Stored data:
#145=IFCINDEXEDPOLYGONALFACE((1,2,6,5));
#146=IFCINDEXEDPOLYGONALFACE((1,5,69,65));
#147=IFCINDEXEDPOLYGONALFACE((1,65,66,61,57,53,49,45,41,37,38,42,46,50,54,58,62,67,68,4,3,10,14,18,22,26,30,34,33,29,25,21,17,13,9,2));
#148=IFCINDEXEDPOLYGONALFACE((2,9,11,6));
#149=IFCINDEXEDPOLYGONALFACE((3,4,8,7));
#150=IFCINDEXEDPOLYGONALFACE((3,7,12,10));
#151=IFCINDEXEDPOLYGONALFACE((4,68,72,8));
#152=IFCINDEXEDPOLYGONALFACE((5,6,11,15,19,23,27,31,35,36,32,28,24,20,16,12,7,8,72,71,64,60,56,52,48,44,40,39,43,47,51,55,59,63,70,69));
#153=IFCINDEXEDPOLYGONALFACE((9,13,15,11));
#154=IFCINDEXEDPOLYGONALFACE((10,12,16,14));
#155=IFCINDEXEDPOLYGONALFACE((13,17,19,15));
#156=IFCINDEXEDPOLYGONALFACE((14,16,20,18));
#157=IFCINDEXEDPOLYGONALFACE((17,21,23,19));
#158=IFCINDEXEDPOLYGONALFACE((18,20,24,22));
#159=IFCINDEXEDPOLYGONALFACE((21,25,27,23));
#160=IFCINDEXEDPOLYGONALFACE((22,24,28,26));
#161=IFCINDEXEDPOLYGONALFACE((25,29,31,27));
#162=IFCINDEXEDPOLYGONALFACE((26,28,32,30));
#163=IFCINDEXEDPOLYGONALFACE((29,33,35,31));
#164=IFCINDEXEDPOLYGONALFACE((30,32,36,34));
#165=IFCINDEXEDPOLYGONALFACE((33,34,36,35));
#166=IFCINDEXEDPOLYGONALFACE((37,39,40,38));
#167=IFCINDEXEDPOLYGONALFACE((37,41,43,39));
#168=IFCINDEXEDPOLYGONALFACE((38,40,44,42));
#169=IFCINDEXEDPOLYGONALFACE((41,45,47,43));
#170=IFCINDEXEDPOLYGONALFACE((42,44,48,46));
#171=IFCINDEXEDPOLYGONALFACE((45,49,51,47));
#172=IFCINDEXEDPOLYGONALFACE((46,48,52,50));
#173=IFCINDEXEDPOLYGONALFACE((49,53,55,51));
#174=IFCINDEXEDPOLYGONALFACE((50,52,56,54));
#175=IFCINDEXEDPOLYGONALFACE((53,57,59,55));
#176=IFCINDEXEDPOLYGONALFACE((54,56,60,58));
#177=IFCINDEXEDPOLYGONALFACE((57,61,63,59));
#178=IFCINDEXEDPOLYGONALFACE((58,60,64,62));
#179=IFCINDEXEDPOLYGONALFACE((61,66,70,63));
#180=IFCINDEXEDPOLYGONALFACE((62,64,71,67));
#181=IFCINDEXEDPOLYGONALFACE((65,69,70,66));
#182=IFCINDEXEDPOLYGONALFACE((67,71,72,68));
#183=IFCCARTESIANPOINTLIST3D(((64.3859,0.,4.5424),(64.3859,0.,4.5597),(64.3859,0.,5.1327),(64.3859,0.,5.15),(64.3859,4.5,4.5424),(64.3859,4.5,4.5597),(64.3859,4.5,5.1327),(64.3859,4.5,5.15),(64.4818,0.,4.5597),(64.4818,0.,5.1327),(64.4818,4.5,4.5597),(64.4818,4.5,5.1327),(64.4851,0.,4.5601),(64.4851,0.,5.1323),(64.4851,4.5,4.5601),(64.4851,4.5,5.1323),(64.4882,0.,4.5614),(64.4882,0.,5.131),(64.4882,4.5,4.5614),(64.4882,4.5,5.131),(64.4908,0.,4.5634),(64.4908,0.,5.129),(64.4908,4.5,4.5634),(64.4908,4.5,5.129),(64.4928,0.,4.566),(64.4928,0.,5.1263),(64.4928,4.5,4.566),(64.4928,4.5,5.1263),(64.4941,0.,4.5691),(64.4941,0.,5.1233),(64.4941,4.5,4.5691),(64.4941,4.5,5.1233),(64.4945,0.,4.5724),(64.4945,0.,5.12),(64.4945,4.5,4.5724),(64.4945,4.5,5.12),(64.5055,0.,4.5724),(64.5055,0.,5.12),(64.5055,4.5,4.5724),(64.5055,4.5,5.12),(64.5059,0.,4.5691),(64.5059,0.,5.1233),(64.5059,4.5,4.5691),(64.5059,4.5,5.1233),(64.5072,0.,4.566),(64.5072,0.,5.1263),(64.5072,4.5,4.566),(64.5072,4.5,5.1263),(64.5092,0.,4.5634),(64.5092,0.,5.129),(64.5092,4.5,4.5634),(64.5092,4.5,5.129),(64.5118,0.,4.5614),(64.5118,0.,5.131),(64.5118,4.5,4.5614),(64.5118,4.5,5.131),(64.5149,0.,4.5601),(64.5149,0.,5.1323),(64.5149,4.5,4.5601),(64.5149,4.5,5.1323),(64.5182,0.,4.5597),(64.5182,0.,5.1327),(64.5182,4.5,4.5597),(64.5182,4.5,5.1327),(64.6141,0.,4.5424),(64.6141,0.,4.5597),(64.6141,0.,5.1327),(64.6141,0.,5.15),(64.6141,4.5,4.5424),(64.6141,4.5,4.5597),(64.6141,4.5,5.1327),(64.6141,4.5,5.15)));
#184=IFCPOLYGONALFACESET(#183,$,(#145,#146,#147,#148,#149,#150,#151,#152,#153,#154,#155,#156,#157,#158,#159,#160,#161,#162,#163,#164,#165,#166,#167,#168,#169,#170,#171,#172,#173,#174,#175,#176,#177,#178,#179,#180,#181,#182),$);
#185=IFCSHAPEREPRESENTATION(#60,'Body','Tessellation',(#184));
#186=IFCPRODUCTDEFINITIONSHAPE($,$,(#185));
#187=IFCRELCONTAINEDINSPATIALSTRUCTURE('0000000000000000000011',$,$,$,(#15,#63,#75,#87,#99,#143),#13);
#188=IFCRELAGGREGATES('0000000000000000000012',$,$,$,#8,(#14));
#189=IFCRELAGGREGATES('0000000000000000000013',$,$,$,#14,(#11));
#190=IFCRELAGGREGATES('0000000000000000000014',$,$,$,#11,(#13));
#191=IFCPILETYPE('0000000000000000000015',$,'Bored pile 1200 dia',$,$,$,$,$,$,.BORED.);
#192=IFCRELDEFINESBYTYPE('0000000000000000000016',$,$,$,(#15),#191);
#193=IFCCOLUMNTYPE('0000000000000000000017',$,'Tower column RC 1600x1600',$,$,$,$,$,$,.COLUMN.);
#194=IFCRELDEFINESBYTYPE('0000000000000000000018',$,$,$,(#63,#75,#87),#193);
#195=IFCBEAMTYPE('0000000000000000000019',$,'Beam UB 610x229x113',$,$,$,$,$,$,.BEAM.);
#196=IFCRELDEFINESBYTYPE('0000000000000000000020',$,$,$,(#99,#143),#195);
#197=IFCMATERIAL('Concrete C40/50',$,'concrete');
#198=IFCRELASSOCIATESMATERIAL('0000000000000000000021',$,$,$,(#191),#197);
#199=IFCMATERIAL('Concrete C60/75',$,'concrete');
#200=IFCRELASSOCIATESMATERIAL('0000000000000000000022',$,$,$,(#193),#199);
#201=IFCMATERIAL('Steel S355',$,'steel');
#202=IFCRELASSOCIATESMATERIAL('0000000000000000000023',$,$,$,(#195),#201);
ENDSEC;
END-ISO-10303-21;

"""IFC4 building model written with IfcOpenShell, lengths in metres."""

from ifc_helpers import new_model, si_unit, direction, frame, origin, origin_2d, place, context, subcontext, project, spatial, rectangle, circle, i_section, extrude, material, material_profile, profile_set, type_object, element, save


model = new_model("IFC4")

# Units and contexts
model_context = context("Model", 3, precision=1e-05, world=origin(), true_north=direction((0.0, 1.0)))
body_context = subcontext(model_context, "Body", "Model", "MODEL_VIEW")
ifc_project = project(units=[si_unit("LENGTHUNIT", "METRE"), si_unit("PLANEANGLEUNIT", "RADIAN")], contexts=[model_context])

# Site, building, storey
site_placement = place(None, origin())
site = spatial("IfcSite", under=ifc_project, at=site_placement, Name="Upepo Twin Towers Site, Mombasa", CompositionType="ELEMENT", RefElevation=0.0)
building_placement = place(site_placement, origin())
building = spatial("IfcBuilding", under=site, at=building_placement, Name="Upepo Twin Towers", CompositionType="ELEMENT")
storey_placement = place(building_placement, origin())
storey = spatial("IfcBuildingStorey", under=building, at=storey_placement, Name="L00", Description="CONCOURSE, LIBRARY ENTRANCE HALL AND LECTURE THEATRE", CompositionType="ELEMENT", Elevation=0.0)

• _Task to carry out_
Your response should hold the lines from the first line of the entries above through the line with "#177=IFCINDEXEDPOLYGONALFACE((57,61,63,59));", each retyped exactly, and nothing else.

• _Written answer_
#145=IFCINDEXEDPOLYGONALFACE((1,2,6,5));
#146=IFCINDEXEDPOLYGONALFACE((1,5,69,65));
#147=IFCINDEXEDPOLYGONALFACE((1,65,66,61,57,53,49,45,41,37,38,42,46,50,54,58,62,67,68,4,3,10,14,18,22,26,30,34,33,29,25,21,17,13,9,2));
#148=IFCINDEXEDPOLYGONALFACE((2,9,11,6));
#149=IFCINDEXEDPOLYGONALFACE((3,4,8,7));
#150=IFCINDEXEDPOLYGONALFACE((3,7,12,10));
#151=IFCINDEXEDPOLYGONALFACE((4,68,72,8));
#152=IFCINDEXEDPOLYGONALFACE((5,6,11,15,19,23,27,31,35,36,32,28,24,20,16,12,7,8,72,71,64,60,56,52,48,44,40,39,43,47,51,55,59,63,70,69));
#153=IFCINDEXEDPOLYGONALFACE((9,13,15,11));
#154=IFCINDEXEDPOLYGONALFACE((10,12,16,14));
#155=IFCINDEXEDPOLYGONALFACE((13,17,19,15));
#156=IFCINDEXEDPOLYGONALFACE((14,16,20,18));
#157=IFCINDEXEDPOLYGONALFACE((17,21,23,19));
#158=IFCINDEXEDPOLYGONALFACE((18,20,24,22));
#159=IFCINDEXEDPOLYGONALFACE((21,25,27,23));
#160=IFCINDEXEDPOLYGONALFACE((22,24,28,26));
#161=IFCINDEXEDPOLYGONALFACE((25,29,31,27));
#162=IFCINDEXEDPOLYGONALFACE((26,28,32,30));
#163=IFCINDEXEDPOLYGONALFACE((29,33,35,31));
#164=IFCINDEXEDPOLYGONALFACE((30,32,36,34));
#165=IFCINDEXEDPOLYGONALFACE((33,34,36,35));
#166=IFCINDEXEDPOLYGONALFACE((37,39,40,38));
#167=IFCINDEXEDPOLYGONALFACE((37,41,43,39));
#168=IFCINDEXEDPOLYGONALFACE((38,40,44,42));
#169=IFCINDEXEDPOLYGONALFACE((41,45,47,43));
#170=IFCINDEXEDPOLYGONALFACE((42,44,48,46));
#171=IFCINDEXEDPOLYGONALFACE((45,49,51,47));
#172=IFCINDEXEDPOLYGONALFACE((46,48,52,50));
#173=IFCINDEXEDPOLYGONALFACE((49,53,55,51));
#174=IFCINDEXEDPOLYGONALFACE((50,52,56,54));
#175=IFCINDEXEDPOLYGONALFACE((53,57,59,55));
#176=IFCINDEXEDPOLYGONALFACE((54,56,60,58));
#177=IFCINDEXEDPOLYGONALFACE((57,61,63,59));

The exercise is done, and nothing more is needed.